MATERIALS PROVIDED Start Marker

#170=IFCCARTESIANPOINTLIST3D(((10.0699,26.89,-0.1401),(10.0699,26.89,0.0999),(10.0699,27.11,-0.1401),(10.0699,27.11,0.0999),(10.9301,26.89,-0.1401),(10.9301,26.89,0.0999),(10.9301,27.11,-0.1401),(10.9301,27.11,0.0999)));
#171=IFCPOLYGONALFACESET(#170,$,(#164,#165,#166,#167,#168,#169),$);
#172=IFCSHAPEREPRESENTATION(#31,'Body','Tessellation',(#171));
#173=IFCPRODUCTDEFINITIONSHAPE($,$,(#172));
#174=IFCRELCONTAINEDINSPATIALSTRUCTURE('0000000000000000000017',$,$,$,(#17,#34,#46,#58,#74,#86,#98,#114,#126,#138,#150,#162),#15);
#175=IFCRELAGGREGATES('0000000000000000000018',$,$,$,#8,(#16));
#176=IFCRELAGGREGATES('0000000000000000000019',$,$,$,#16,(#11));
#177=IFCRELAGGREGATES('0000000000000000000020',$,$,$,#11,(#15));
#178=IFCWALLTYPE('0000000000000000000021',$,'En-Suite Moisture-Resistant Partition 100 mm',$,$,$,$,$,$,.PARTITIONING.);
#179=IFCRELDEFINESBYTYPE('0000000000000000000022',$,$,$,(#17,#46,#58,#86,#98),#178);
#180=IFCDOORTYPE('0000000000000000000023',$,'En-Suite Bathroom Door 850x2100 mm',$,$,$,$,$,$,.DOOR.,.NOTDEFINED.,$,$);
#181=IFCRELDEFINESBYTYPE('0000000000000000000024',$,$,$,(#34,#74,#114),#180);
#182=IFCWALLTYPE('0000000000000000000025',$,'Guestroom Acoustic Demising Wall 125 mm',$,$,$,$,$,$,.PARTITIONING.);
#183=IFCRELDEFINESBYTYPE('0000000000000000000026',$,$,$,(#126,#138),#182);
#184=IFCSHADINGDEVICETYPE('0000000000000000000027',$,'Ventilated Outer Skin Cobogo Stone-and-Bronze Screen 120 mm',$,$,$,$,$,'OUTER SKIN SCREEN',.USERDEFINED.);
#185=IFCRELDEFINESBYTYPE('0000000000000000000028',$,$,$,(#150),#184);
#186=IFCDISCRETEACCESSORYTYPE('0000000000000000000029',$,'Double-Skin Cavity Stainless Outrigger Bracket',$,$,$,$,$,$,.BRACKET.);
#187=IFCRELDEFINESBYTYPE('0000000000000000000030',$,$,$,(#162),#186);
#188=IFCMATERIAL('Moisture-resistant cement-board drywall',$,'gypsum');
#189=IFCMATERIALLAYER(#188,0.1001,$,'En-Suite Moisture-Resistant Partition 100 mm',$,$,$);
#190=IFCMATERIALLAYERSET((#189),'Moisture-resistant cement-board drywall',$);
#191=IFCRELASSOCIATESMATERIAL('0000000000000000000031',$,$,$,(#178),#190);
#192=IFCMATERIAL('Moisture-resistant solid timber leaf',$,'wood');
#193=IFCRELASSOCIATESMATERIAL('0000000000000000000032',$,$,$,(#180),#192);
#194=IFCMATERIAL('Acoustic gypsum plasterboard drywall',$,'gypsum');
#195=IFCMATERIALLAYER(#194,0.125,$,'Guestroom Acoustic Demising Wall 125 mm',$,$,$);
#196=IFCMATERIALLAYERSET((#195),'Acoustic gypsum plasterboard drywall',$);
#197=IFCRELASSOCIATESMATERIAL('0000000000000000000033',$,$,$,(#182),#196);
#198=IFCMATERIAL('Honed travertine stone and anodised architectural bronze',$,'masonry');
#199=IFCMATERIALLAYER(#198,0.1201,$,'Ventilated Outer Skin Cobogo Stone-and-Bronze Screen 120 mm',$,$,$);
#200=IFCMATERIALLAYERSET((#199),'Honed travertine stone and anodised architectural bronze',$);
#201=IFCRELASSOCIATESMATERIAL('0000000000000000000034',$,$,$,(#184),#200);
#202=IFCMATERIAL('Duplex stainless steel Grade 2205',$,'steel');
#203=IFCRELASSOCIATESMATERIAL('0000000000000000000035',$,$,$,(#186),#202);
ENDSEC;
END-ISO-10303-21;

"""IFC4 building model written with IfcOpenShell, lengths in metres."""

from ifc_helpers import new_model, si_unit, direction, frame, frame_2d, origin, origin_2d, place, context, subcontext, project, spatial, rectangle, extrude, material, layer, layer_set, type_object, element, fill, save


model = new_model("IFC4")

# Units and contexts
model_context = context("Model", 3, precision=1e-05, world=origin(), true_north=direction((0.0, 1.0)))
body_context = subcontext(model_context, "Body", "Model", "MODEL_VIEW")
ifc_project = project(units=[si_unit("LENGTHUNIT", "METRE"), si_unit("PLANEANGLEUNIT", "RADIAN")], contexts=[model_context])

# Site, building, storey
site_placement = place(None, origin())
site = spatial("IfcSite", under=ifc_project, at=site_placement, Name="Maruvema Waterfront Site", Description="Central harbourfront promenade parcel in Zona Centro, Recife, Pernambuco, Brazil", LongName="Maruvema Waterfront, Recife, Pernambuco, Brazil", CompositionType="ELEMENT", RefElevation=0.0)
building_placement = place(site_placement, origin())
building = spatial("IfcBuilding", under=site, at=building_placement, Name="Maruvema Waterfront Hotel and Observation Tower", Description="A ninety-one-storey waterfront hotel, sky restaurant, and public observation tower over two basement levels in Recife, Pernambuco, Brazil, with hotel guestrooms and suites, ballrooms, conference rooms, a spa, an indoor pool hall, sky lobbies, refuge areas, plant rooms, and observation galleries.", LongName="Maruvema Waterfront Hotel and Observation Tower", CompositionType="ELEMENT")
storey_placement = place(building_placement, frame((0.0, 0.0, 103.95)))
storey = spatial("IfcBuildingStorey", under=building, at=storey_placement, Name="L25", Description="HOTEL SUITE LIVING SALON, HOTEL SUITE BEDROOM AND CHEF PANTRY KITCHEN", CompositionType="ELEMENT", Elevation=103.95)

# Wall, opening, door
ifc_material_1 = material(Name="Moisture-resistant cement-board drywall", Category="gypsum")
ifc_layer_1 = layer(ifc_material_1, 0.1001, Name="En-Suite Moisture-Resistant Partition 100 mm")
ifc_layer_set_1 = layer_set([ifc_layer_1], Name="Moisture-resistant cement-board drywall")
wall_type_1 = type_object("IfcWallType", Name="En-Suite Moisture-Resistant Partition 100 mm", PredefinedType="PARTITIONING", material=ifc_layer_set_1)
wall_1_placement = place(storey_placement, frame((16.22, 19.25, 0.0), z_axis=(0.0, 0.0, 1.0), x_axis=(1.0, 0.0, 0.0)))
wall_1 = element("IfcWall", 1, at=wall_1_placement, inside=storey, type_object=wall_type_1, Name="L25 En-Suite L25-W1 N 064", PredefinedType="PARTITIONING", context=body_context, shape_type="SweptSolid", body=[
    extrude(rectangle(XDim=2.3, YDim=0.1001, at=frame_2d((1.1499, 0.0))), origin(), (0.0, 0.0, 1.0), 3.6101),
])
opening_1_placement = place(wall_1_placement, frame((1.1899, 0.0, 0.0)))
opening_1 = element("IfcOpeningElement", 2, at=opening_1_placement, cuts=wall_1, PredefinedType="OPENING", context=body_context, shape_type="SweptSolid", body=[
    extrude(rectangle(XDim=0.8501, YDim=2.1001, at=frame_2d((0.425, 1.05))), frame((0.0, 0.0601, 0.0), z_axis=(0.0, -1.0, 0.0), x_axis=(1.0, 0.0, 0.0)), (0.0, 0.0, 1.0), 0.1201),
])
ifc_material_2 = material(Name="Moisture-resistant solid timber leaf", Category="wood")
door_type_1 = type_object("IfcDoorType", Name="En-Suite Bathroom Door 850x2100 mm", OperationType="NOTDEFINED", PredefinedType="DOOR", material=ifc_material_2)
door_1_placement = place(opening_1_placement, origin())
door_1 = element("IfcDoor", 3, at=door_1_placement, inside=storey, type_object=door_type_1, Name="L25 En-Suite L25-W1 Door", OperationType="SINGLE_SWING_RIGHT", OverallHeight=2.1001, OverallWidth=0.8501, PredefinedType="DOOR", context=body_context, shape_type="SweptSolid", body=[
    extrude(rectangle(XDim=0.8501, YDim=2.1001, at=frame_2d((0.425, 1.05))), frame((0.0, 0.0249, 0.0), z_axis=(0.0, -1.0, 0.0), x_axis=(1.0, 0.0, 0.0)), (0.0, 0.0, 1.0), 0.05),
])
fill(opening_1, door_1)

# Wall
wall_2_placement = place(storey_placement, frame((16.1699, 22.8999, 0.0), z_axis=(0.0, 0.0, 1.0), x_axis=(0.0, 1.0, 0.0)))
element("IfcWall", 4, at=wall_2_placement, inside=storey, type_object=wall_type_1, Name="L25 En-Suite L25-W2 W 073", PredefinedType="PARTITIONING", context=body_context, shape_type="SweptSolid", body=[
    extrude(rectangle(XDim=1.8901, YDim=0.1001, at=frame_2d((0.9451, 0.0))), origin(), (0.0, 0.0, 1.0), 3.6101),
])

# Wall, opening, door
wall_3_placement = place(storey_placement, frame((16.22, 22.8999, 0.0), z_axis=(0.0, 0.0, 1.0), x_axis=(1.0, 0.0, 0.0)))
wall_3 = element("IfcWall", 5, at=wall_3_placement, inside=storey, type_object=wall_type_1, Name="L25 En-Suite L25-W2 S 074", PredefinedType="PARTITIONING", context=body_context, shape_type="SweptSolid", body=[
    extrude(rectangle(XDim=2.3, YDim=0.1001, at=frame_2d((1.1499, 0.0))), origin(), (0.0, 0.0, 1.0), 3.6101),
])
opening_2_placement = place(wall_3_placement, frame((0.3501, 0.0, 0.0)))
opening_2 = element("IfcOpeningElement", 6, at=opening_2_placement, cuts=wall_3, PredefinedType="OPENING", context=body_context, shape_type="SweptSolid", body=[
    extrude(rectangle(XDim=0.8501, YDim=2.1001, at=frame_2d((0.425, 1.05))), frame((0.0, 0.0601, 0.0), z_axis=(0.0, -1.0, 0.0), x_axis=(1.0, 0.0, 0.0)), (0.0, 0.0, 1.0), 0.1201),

MATERIALS PROVIDED End Marker

- _WORK REQUIRED_
Reproduce each line from the data that has "cuts" in it.

- _EXPECTED ANSWER_
opening_1 = element("IfcOpeningElement", 2, at=opening_1_placement, cuts=wall_1, PredefinedType="OPENING", context=body_context, shape_type="SweptSolid", body=[
opening_2 = element("IfcOpeningElement", 6, at=opening_2_placement, cuts=wall_3, PredefinedType="OPENING", context=body_context, shape_type="SweptSolid", body=[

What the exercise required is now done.